▸ Work required: Your response should be an exact reproduction of the data below, beginning at the line containing "# Units and contexts" and ending with the final line.

[[ Given data open ]]

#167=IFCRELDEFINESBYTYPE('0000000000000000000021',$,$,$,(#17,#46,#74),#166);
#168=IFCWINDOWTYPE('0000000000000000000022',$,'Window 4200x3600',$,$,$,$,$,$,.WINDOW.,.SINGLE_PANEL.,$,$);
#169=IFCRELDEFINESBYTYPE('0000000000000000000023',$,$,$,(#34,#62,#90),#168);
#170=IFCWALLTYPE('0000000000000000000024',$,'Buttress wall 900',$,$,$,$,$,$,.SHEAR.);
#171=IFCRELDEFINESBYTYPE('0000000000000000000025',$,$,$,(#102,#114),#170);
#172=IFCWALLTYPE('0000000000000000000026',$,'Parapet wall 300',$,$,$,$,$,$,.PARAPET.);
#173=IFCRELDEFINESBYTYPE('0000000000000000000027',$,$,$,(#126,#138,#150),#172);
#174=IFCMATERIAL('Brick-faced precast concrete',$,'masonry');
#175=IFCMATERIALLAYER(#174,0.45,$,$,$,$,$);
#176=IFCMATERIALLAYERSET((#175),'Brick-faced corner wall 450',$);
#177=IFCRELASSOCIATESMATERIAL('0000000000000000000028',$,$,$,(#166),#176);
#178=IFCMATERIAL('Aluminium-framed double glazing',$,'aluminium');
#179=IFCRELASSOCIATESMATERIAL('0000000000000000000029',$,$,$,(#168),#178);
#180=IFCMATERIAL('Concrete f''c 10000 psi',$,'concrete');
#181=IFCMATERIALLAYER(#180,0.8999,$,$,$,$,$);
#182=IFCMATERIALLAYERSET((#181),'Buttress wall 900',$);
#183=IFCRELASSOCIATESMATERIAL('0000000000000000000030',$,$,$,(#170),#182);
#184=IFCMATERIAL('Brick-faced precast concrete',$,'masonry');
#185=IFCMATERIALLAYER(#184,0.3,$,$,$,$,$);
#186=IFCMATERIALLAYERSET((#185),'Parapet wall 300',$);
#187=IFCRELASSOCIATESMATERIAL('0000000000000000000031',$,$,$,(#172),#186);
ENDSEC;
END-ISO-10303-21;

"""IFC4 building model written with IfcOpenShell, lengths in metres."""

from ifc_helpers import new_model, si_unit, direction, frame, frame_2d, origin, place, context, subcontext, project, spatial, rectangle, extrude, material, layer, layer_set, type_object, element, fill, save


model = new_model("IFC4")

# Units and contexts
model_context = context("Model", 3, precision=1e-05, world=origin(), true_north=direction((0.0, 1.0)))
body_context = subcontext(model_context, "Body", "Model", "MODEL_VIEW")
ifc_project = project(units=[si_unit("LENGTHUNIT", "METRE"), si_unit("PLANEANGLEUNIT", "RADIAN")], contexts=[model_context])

[[ Given data closed ]]

▸ Task response:
# Units and contexts
model_context = context("Model", 3, precision=1e-05, world=origin(), true_north=direction((0.0, 1.0)))
body_context = subcontext(model_context, "Body", "Model", "MODEL_VIEW")
ifc_project = project(units=[si_unit("LENGTHUNIT", "METRE"), si_unit("PLANEANGLEUNIT", "RADIAN")], contexts=[model_context])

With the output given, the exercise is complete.